Instructions for the task: The answer must be an exact reproduction of the lines from the start of the records below through the line containing "#161=IFCINDEXEDPOLYGONALFACE((5,6,8,7));", and nothing more.

[Stored data]
----
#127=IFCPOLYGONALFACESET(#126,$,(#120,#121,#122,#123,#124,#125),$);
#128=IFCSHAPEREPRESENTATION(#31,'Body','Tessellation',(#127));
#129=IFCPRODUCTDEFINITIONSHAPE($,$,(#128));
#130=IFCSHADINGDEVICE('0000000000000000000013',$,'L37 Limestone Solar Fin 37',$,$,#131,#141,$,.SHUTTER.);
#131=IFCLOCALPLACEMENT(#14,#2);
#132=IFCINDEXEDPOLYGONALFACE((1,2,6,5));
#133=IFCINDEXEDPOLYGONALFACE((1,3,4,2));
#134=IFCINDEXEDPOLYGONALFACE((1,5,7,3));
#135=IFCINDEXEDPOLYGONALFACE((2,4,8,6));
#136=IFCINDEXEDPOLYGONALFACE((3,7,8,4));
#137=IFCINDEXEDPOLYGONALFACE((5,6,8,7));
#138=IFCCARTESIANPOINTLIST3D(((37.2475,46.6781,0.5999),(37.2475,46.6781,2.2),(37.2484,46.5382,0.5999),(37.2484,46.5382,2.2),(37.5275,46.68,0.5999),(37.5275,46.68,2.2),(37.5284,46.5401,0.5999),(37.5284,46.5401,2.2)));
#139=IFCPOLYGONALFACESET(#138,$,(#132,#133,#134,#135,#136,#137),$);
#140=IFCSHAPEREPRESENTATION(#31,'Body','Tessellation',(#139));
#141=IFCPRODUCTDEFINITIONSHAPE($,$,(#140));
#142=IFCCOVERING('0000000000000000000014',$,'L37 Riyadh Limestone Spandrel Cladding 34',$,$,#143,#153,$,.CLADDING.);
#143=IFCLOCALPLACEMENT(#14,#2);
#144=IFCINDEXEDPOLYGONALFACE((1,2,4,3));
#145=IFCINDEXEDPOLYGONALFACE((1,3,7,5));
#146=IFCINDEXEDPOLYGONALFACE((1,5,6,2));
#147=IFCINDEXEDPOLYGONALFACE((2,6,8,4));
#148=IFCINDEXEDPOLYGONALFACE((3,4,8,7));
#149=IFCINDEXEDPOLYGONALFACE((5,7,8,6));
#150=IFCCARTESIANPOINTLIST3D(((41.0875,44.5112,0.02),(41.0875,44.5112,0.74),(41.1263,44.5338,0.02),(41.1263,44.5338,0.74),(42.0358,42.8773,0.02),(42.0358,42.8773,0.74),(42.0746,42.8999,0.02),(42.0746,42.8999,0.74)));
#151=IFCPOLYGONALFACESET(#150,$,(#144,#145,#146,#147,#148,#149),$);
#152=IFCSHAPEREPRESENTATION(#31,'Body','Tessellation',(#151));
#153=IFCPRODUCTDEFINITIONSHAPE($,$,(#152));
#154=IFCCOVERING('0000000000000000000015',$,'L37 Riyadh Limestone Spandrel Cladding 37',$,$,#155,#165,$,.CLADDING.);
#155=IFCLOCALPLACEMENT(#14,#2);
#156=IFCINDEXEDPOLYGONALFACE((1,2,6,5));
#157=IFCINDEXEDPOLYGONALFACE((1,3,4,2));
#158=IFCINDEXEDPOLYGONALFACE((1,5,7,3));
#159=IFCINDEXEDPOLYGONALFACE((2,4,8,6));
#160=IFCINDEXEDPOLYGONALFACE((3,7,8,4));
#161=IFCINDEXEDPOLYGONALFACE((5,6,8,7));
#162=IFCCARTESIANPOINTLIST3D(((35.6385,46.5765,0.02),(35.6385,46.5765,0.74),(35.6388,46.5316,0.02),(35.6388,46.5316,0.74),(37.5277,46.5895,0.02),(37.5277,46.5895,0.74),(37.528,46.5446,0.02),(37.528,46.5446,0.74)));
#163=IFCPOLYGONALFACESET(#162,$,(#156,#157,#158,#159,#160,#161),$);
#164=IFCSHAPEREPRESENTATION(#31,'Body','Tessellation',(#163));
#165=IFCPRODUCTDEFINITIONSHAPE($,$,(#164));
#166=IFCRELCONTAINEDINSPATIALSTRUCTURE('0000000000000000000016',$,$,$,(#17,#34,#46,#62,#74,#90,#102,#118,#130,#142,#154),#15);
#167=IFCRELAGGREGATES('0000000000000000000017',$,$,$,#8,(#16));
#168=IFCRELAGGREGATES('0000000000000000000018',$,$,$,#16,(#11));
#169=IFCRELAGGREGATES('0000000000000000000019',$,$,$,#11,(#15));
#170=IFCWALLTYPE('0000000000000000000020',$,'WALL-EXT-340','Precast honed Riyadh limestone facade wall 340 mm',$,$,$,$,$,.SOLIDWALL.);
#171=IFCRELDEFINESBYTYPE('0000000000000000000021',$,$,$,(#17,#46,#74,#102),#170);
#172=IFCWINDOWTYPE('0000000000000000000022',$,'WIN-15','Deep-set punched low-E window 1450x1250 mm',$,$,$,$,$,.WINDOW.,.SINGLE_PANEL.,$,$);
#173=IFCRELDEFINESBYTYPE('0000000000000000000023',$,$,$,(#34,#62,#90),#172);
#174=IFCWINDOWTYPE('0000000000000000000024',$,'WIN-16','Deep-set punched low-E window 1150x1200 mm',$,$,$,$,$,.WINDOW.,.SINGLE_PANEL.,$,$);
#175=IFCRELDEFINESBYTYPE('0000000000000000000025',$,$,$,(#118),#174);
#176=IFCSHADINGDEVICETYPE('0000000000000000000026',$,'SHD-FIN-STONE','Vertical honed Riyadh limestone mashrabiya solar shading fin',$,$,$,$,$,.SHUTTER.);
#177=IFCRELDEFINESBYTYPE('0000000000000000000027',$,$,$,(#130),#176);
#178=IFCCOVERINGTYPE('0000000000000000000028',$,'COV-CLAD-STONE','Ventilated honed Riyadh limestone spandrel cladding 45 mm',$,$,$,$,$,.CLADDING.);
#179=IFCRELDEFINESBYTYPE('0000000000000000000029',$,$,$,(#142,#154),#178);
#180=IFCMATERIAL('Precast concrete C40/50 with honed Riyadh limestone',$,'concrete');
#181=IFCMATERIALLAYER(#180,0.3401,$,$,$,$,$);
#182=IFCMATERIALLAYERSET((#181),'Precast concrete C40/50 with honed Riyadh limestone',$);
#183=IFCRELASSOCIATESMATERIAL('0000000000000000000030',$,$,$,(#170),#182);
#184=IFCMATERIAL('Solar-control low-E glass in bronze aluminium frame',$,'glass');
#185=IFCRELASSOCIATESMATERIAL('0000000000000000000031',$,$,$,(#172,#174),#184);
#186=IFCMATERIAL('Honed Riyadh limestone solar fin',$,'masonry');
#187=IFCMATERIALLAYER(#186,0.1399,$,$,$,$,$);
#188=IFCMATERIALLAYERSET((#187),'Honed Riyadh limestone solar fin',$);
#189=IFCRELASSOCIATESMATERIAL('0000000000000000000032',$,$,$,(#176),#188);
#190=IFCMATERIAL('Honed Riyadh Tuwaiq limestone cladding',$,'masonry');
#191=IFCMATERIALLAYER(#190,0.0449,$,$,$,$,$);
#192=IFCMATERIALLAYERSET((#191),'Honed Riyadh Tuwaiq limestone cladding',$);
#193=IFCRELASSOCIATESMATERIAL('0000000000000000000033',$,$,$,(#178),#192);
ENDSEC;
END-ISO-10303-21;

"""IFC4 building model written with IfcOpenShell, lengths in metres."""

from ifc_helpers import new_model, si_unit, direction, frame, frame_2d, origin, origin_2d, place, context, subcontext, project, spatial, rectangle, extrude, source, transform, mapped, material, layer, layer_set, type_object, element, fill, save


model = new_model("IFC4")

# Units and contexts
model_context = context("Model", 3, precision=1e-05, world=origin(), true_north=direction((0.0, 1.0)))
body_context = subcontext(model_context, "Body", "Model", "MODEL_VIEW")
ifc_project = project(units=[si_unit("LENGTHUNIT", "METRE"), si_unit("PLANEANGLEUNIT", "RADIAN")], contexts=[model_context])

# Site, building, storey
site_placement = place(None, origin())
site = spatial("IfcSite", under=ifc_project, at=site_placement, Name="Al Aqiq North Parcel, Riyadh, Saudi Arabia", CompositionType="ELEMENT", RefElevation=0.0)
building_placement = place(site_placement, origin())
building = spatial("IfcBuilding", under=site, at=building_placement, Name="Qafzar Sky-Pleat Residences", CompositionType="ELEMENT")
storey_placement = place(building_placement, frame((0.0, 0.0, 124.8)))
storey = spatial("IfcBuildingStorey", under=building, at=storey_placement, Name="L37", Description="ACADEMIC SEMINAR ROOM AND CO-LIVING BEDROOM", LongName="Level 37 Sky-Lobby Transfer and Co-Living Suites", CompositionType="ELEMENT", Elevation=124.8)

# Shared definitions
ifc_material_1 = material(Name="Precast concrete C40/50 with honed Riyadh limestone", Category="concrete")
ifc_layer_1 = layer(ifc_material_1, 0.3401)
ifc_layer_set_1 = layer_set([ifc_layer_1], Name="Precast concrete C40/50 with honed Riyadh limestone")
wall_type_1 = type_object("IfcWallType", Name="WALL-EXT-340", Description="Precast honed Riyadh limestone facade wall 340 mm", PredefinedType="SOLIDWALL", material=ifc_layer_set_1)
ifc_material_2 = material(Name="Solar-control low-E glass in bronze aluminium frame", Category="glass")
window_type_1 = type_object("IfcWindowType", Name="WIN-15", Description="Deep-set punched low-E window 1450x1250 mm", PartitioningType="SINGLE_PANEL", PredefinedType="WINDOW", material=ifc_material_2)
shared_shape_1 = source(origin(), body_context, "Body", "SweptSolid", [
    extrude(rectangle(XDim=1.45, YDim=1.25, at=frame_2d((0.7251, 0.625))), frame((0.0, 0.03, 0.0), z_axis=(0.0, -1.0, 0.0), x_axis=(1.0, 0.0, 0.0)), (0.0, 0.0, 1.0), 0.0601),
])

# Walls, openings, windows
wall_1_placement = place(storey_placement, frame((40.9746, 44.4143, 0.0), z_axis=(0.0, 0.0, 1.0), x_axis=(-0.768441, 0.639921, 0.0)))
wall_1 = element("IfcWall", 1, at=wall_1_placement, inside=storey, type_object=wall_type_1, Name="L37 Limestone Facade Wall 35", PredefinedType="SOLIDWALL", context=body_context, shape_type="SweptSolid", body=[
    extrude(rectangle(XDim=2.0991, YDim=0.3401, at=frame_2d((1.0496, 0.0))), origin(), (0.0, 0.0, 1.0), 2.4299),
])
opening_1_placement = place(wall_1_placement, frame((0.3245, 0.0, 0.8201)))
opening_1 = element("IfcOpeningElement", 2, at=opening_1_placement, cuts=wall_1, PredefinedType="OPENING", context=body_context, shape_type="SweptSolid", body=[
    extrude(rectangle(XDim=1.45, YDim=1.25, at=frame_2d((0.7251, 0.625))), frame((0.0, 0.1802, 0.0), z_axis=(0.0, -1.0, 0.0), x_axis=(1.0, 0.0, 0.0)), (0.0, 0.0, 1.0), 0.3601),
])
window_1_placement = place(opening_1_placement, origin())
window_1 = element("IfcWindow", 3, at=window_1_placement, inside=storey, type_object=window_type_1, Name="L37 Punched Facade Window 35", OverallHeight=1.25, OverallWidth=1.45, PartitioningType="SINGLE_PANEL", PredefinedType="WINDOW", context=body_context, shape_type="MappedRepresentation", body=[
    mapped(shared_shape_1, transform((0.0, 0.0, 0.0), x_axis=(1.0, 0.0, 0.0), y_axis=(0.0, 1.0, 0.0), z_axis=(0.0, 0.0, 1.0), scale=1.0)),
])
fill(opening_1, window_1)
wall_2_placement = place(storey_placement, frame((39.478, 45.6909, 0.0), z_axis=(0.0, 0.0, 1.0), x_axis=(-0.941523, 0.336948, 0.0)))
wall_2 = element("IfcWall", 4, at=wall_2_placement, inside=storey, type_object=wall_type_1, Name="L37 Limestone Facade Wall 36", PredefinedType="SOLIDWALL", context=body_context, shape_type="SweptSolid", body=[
----
Result of the task:
#127=IFCPOLYGONALFACESET(#126,$,(#120,#121,#122,#123,#124,#125),$);
#128=IFCSHAPEREPRESENTATION(#31,'Body','Tessellation',(#127));
#129=IFCPRODUCTDEFINITIONSHAPE($,$,(#128));
#130=IFCSHADINGDEVICE('0000000000000000000013',$,'L37 Limestone Solar Fin 37',$,$,#131,#141,$,.SHUTTER.);
#131=IFCLOCALPLACEMENT(#14,#2);
#132=IFCINDEXEDPOLYGONALFACE((1,2,6,5));
#133=IFCINDEXEDPOLYGONALFACE((1,3,4,2));
#134=IFCINDEXEDPOLYGONALFACE((1,5,7,3));
#135=IFCINDEXEDPOLYGONALFACE((2,4,8,6));
#136=IFCINDEXEDPOLYGONALFACE((3,7,8,4));
#137=IFCINDEXEDPOLYGONALFACE((5,6,8,7));
#138=IFCCARTESIANPOINTLIST3D(((37.2475,46.6781,0.5999),(37.2475,46.6781,2.2),(37.2484,46.5382,0.5999),(37.2484,46.5382,2.2),(37.5275,46.68,0.5999),(37.5275,46.68,2.2),(37.5284,46.5401,0.5999),(37.5284,46.5401,2.2)));
#139=IFCPOLYGONALFACESET(#138,$,(#132,#133,#134,#135,#136,#137),$);
#140=IFCSHAPEREPRESENTATION(#31,'Body','Tessellation',(#139));
#141=IFCPRODUCTDEFINITIONSHAPE($,$,(#140));
#142=IFCCOVERING('0000000000000000000014',$,'L37 Riyadh Limestone Spandrel Cladding 34',$,$,#143,#153,$,.CLADDING.);
#143=IFCLOCALPLACEMENT(#14,#2);
#144=IFCINDEXEDPOLYGONALFACE((1,2,4,3));
#145=IFCINDEXEDPOLYGONALFACE((1,3,7,5));
#146=IFCINDEXEDPOLYGONALFACE((1,5,6,2));
#147=IFCINDEXEDPOLYGONALFACE((2,6,8,4));
#148=IFCINDEXEDPOLYGONALFACE((3,4,8,7));
#149=IFCINDEXEDPOLYGONALFACE((5,7,8,6));
#150=IFCCARTESIANPOINTLIST3D(((41.0875,44.5112,0.02),(41.0875,44.5112,0.74),(41.1263,44.5338,0.02),(41.1263,44.5338,0.74),(42.0358,42.8773,0.02),(42.0358,42.8773,0.74),(42.0746,42.8999,0.02),(42.0746,42.8999,0.74)));
#151=IFCPOLYGONALFACESET(#150,$,(#144,#145,#146,#147,#148,#149),$);
#152=IFCSHAPEREPRESENTATION(#31,'Body','Tessellation',(#151));
#153=IFCPRODUCTDEFINITIONSHAPE($,$,(#152));
#154=IFCCOVERING('0000000000000000000015',$,'L37 Riyadh Limestone Spandrel Cladding 37',$,$,#155,#165,$,.CLADDING.);
#155=IFCLOCALPLACEMENT(#14,#2);
#156=IFCINDEXEDPOLYGONALFACE((1,2,6,5));
#157=IFCINDEXEDPOLYGONALFACE((1,3,4,2));
#158=IFCINDEXEDPOLYGONALFACE((1,5,7,3));
#159=IFCINDEXEDPOLYGONALFACE((2,4,8,6));
#160=IFCINDEXEDPOLYGONALFACE((3,7,8,4));
#161=IFCINDEXEDPOLYGONALFACE((5,6,8,7));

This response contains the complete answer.